▸ **Task brief**
Search for the word "IfcSite" in the entries. Each line that holds it should be copied.

(Collected data entries)
┄┄┄┄┄┄┄┄┄┄┄┄┄┄┄┄┄┄┄┄

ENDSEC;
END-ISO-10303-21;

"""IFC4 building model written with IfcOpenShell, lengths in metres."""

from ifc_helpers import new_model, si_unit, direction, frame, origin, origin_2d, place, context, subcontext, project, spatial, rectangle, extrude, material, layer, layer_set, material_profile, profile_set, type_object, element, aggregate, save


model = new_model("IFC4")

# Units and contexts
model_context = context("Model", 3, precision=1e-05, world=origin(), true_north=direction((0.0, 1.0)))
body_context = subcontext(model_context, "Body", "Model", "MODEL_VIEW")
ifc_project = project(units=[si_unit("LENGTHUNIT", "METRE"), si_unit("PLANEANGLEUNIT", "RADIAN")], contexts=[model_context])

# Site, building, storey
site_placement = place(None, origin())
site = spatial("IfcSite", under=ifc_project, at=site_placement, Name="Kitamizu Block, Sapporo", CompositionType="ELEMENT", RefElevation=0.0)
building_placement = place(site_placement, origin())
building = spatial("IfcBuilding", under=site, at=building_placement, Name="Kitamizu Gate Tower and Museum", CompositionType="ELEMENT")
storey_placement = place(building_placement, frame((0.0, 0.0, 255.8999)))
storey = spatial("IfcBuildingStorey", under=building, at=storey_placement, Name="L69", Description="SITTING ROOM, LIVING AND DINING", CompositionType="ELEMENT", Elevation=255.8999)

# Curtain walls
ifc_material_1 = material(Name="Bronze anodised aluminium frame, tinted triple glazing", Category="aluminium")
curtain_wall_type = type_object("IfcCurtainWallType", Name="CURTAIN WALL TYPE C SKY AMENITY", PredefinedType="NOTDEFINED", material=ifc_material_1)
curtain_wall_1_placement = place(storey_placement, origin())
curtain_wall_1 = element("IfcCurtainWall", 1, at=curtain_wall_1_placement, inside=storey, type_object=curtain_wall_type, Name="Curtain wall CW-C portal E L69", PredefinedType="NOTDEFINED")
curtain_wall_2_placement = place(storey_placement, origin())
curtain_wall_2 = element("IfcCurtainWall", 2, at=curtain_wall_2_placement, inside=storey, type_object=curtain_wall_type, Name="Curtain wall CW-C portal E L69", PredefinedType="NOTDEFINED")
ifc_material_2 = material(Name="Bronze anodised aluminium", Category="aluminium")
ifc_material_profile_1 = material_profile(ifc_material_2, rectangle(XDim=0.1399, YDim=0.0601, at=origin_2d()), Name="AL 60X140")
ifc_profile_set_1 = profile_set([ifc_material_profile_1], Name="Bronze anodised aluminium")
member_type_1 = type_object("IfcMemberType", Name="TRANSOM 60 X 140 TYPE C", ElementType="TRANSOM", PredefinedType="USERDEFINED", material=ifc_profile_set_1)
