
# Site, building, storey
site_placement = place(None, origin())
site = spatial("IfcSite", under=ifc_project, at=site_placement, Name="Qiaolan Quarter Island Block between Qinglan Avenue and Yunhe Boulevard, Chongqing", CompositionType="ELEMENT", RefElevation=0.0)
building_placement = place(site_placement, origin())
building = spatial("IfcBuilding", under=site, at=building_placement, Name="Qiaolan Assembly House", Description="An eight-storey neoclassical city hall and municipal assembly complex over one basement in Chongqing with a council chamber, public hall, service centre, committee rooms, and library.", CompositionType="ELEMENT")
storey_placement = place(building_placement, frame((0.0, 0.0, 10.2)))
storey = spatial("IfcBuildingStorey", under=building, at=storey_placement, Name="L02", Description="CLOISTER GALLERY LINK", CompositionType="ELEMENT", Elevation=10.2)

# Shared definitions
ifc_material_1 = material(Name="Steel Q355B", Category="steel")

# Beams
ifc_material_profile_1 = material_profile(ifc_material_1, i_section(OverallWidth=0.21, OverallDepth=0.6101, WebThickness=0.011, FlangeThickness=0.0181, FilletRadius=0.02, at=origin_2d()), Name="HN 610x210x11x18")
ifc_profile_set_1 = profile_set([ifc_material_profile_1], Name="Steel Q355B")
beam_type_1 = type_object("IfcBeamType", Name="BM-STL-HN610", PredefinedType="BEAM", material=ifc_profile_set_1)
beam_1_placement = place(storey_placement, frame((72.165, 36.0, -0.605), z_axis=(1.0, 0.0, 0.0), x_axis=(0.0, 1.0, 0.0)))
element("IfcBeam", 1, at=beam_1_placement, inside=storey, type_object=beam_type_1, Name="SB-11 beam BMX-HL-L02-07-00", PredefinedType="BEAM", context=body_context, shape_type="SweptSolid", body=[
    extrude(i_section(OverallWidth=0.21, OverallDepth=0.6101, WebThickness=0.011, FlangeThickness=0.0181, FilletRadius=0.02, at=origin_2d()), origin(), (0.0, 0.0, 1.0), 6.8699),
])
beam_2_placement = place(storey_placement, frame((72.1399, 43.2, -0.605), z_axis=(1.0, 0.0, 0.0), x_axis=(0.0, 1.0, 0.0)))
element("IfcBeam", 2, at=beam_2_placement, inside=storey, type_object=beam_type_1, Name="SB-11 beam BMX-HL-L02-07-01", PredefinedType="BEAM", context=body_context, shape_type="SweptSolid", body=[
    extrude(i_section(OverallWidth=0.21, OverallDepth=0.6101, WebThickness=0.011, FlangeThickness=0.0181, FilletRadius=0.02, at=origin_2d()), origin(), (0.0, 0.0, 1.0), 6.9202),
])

┄┄┄┄┄┄┄┄┄┄┄┄┄┄┄┄┄┄┄┄

▸ **Result below**
site = spatial("IfcSite", under=ifc_project, at=site_placement, Name="Kitamizu Block, Sapporo", CompositionType="ELEMENT", RefElevation=0.0)
site = spatial("IfcSite", under=ifc_project, at=site_placement, Name="Qiaolan Quarter Island Block between Qinglan Avenue and Yunhe Boulevard, Chongqing", CompositionType="ELEMENT", RefElevation=0.0)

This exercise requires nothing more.